PROMPT -> Below are some records. Return exactly the lines from the one with "#164=IFCRELAGGREGATES('0000000000000000000012',$,$,$,#16,(#11));" to the one with "frame((0.0, 0.0, -4.5)))", and nothing else.

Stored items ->
######
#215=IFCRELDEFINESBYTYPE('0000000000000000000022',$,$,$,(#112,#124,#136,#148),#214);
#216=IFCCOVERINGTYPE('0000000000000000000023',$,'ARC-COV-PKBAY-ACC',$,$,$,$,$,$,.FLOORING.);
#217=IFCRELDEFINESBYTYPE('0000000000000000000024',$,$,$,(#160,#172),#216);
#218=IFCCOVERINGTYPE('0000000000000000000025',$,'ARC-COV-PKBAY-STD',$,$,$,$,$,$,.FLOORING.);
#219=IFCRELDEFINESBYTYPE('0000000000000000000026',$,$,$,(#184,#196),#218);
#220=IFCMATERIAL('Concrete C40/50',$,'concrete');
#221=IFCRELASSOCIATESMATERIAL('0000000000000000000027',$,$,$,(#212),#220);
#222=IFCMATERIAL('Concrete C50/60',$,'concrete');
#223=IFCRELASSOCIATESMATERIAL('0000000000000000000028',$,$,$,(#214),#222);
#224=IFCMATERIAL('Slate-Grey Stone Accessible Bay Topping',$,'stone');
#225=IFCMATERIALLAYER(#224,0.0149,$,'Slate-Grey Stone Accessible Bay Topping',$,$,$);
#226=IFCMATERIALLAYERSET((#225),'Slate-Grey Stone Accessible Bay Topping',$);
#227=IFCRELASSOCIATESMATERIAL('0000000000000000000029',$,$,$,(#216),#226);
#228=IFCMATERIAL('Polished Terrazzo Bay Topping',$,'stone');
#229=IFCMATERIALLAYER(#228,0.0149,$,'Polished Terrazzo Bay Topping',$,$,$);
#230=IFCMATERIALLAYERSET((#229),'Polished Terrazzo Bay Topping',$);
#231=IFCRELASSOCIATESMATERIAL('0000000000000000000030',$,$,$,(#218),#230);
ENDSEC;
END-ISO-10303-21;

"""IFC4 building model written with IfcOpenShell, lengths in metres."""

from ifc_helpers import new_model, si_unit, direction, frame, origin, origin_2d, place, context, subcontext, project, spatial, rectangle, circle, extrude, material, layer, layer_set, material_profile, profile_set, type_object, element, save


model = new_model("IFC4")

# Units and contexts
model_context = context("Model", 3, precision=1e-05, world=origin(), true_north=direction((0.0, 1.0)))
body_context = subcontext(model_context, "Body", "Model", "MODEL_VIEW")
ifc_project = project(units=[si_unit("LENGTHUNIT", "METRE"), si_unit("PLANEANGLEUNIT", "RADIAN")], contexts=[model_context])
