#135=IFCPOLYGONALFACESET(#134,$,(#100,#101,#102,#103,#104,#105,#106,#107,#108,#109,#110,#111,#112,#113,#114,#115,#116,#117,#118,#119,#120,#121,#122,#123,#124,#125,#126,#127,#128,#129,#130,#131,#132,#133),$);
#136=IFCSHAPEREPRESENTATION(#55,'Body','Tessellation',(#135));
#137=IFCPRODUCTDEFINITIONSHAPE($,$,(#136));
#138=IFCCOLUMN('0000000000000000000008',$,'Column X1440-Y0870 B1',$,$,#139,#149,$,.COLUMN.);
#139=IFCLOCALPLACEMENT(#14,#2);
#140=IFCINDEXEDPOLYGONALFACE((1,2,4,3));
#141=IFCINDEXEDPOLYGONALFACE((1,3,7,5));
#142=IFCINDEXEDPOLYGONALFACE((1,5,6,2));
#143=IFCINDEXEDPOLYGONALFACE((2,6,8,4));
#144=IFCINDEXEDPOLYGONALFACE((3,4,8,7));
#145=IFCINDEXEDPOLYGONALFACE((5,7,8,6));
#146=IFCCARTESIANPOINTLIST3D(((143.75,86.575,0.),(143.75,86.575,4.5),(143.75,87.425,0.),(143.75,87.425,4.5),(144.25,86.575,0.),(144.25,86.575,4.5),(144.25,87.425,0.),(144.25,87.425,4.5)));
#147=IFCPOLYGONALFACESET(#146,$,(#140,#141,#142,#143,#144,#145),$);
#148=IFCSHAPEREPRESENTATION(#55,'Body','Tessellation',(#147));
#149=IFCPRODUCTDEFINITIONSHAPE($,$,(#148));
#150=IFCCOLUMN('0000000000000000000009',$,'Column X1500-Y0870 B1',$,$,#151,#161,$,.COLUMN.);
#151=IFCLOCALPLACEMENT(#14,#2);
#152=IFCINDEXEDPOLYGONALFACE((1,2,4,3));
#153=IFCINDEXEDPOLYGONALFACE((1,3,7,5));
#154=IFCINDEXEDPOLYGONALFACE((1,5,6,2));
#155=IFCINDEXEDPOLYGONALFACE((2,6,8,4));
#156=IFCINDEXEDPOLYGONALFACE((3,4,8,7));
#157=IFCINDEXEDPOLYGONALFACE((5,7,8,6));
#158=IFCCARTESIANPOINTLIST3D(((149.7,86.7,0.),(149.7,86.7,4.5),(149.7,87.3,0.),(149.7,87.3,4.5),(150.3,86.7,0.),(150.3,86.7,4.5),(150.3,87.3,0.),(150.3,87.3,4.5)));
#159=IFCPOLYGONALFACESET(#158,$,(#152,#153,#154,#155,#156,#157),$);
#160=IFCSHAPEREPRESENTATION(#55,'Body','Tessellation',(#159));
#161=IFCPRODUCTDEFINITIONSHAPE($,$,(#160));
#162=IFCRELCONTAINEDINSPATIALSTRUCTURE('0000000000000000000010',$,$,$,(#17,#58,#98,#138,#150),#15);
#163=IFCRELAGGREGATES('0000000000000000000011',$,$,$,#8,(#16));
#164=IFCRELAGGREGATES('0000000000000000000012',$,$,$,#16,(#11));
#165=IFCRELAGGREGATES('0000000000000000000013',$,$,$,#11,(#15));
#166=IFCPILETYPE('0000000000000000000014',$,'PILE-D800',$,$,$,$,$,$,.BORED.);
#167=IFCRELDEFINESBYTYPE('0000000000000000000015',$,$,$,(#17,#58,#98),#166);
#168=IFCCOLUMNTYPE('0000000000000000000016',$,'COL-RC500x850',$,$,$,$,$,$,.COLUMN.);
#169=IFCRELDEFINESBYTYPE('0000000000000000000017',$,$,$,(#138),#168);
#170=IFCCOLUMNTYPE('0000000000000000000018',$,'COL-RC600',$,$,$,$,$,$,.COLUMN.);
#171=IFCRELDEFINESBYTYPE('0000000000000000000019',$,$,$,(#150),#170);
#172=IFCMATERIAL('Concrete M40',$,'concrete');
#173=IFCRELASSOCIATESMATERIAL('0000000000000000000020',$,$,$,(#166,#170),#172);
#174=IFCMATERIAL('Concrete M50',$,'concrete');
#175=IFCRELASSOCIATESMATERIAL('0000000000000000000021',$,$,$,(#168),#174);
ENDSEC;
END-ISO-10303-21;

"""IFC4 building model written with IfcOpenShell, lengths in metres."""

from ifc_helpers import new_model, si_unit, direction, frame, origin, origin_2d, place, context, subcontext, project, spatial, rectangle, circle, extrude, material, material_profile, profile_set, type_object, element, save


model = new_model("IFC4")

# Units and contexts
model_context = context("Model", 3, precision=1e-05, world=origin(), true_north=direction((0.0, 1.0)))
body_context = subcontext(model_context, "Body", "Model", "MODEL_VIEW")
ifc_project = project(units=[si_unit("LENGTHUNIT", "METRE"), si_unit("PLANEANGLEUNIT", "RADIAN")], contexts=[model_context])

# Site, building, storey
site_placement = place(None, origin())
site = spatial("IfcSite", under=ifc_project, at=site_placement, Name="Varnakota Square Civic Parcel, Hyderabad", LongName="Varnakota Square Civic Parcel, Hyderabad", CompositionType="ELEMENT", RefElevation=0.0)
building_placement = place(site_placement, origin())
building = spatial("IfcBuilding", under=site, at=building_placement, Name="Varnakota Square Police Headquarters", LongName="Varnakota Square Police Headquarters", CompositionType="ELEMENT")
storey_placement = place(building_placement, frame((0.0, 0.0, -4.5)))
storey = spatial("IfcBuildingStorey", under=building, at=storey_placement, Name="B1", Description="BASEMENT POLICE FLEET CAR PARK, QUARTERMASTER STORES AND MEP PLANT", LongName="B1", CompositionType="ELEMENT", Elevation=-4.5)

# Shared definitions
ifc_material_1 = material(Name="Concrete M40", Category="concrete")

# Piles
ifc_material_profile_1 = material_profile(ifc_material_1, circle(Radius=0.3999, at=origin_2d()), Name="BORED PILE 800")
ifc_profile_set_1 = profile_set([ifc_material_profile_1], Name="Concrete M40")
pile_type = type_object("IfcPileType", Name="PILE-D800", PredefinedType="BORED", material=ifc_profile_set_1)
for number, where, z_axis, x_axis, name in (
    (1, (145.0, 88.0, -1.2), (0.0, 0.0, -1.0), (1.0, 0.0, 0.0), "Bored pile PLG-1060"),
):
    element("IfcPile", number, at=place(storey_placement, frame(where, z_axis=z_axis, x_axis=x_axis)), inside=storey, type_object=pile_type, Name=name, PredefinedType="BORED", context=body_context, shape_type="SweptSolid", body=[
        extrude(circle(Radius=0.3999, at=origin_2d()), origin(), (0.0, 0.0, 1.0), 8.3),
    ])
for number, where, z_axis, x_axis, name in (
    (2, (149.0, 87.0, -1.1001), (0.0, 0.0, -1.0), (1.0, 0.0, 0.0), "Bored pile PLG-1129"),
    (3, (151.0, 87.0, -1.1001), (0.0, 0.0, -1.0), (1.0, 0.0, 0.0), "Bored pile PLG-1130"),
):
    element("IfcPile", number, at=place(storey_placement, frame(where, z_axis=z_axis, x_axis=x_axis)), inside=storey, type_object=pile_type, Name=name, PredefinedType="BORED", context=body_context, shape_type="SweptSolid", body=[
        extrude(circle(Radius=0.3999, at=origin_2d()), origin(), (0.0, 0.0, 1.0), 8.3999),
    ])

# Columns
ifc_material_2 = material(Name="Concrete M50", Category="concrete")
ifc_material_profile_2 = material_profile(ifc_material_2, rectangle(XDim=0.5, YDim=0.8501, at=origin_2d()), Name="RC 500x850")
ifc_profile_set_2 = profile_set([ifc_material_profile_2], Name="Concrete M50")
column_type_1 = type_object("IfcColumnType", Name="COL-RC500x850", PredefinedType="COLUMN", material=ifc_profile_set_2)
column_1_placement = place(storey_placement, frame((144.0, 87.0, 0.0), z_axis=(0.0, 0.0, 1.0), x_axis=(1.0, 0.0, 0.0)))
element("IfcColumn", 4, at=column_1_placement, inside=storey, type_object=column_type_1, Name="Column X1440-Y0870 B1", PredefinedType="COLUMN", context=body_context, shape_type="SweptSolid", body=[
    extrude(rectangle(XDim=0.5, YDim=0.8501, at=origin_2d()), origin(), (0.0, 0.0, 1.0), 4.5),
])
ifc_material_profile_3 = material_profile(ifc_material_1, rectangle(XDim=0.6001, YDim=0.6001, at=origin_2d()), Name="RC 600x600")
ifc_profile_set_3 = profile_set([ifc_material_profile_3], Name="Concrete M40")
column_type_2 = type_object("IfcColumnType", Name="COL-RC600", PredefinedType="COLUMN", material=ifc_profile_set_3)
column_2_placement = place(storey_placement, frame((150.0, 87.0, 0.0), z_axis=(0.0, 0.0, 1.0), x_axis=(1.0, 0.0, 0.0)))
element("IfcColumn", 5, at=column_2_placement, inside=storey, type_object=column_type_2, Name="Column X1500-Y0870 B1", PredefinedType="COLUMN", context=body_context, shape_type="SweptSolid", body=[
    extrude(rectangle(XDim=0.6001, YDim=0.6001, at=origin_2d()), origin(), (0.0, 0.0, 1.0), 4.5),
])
######
ANSWER AREA ->
#164=IFCRELAGGREGATES('0000000000000000000012',$,$,$,#16,(#11));
#165=IFCRELAGGREGATES('0000000000000000000013',$,$,$,#11,(#15));
#166=IFCPILETYPE('0000000000000000000014',$,'PILE-D800',$,$,$,$,$,$,.BORED.);
#167=IFCRELDEFINESBYTYPE('0000000000000000000015',$,$,$,(#17,#58,#98),#166);
#168=IFCCOLUMNTYPE('0000000000000000000016',$,'COL-RC500x850',$,$,$,$,$,$,.COLUMN.);
#169=IFCRELDEFINESBYTYPE('0000000000000000000017',$,$,$,(#138),#168);
#170=IFCCOLUMNTYPE('0000000000000000000018',$,'COL-RC600',$,$,$,$,$,$,.COLUMN.);
#171=IFCRELDEFINESBYTYPE('0000000000000000000019',$,$,$,(#150),#170);
#172=IFCMATERIAL('Concrete M40',$,'concrete');
#173=IFCRELASSOCIATESMATERIAL('0000000000000000000020',$,$,$,(#166,#170),#172);
#174=IFCMATERIAL('Concrete M50',$,'concrete');
#175=IFCRELASSOCIATESMATERIAL('0000000000000000000021',$,$,$,(#168),#174);
ENDSEC;
END-ISO-10303-21;

"""IFC4 building model written with IfcOpenShell, lengths in metres."""

from ifc_helpers import new_model, si_unit, direction, frame, origin, origin_2d, place, context, subcontext, project, spatial, rectangle, circle, extrude, material, material_profile, profile_set, type_object, element, save


model = new_model("IFC4")

# Units and contexts
model_context = context("Model", 3, precision=1e-05, world=origin(), true_north=direction((0.0, 1.0)))
body_context = subcontext(model_context, "Body", "Model", "MODEL_VIEW")
ifc_project = project(units=[si_unit("LENGTHUNIT", "METRE"), si_unit("PLANEANGLEUNIT", "RADIAN")], contexts=[model_context])

# Site, building, storey
site_placement = place(None, origin())
site = spatial("IfcSite", under=ifc_project, at=site_placement, Name="Varnakota Square Civic Parcel, Hyderabad", LongName="Varnakota Square Civic Parcel, Hyderabad", CompositionType="ELEMENT", RefElevation=0.0)
building_placement = place(site_placement, origin())
building = spatial("IfcBuilding", under=site, at=building_placement, Name="Varnakota Square Police Headquarters", LongName="Varnakota Square Police Headquarters", CompositionType="ELEMENT")
storey_placement = place(building_placement, frame((0.0, 0.0, -4.5)))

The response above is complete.